#### About this exercise:
Return the following from the records below: each line, word for word, starting with the line that contains "from ifc_helpers import" and going on through the line that contains "frame((0.0, 0.0, 45.6001)))", with nothing outside that range.

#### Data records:
#####

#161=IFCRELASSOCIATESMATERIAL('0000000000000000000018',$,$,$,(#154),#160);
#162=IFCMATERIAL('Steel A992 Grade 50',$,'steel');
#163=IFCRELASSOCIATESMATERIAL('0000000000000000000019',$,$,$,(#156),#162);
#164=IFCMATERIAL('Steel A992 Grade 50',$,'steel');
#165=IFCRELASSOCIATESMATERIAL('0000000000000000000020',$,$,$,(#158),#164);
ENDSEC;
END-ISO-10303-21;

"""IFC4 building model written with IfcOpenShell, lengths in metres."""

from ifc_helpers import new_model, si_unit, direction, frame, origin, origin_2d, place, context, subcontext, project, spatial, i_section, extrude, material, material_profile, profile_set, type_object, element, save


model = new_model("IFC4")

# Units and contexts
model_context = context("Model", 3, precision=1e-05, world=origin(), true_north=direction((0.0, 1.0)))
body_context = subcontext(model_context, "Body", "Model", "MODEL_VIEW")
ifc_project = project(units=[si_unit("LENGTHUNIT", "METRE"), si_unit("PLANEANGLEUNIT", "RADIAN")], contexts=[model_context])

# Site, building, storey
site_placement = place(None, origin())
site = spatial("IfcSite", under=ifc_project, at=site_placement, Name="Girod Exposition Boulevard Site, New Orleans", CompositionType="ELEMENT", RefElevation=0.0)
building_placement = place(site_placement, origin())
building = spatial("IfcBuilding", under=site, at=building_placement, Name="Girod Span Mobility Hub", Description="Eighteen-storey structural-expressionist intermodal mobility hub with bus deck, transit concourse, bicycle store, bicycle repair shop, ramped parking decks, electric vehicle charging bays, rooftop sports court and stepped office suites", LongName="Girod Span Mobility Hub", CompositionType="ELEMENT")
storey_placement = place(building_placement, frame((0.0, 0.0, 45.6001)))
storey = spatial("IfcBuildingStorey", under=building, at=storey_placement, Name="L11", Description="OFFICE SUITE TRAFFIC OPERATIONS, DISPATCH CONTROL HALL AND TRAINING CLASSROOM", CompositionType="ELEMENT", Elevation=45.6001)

#####

#### Solution:
from ifc_helpers import new_model, si_unit, direction, frame, origin, origin_2d, place, context, subcontext, project, spatial, i_section, extrude, material, material_profile, profile_set, type_object, element, save


model = new_model("IFC4")

# Units and contexts
model_context = context("Model", 3, precision=1e-05, world=origin(), true_north=direction((0.0, 1.0)))
body_context = subcontext(model_context, "Body", "Model", "MODEL_VIEW")
ifc_project = project(units=[si_unit("LENGTHUNIT", "METRE"), si_unit("PLANEANGLEUNIT", "RADIAN")], contexts=[model_context])

# Site, building, storey
site_placement = place(None, origin())
site = spatial("IfcSite", under=ifc_project, at=site_placement, Name="Girod Exposition Boulevard Site, New Orleans", CompositionType="ELEMENT", RefElevation=0.0)
building_placement = place(site_placement, origin())
building = spatial("IfcBuilding", under=site, at=building_placement, Name="Girod Span Mobility Hub", Description="Eighteen-storey structural-expressionist intermodal mobility hub with bus deck, transit concourse, bicycle store, bicycle repair shop, ramped parking decks, electric vehicle charging bays, rooftop sports court and stepped office suites", LongName="Girod Span Mobility Hub", CompositionType="ELEMENT")
storey_placement = place(building_placement, frame((0.0, 0.0, 45.6001)))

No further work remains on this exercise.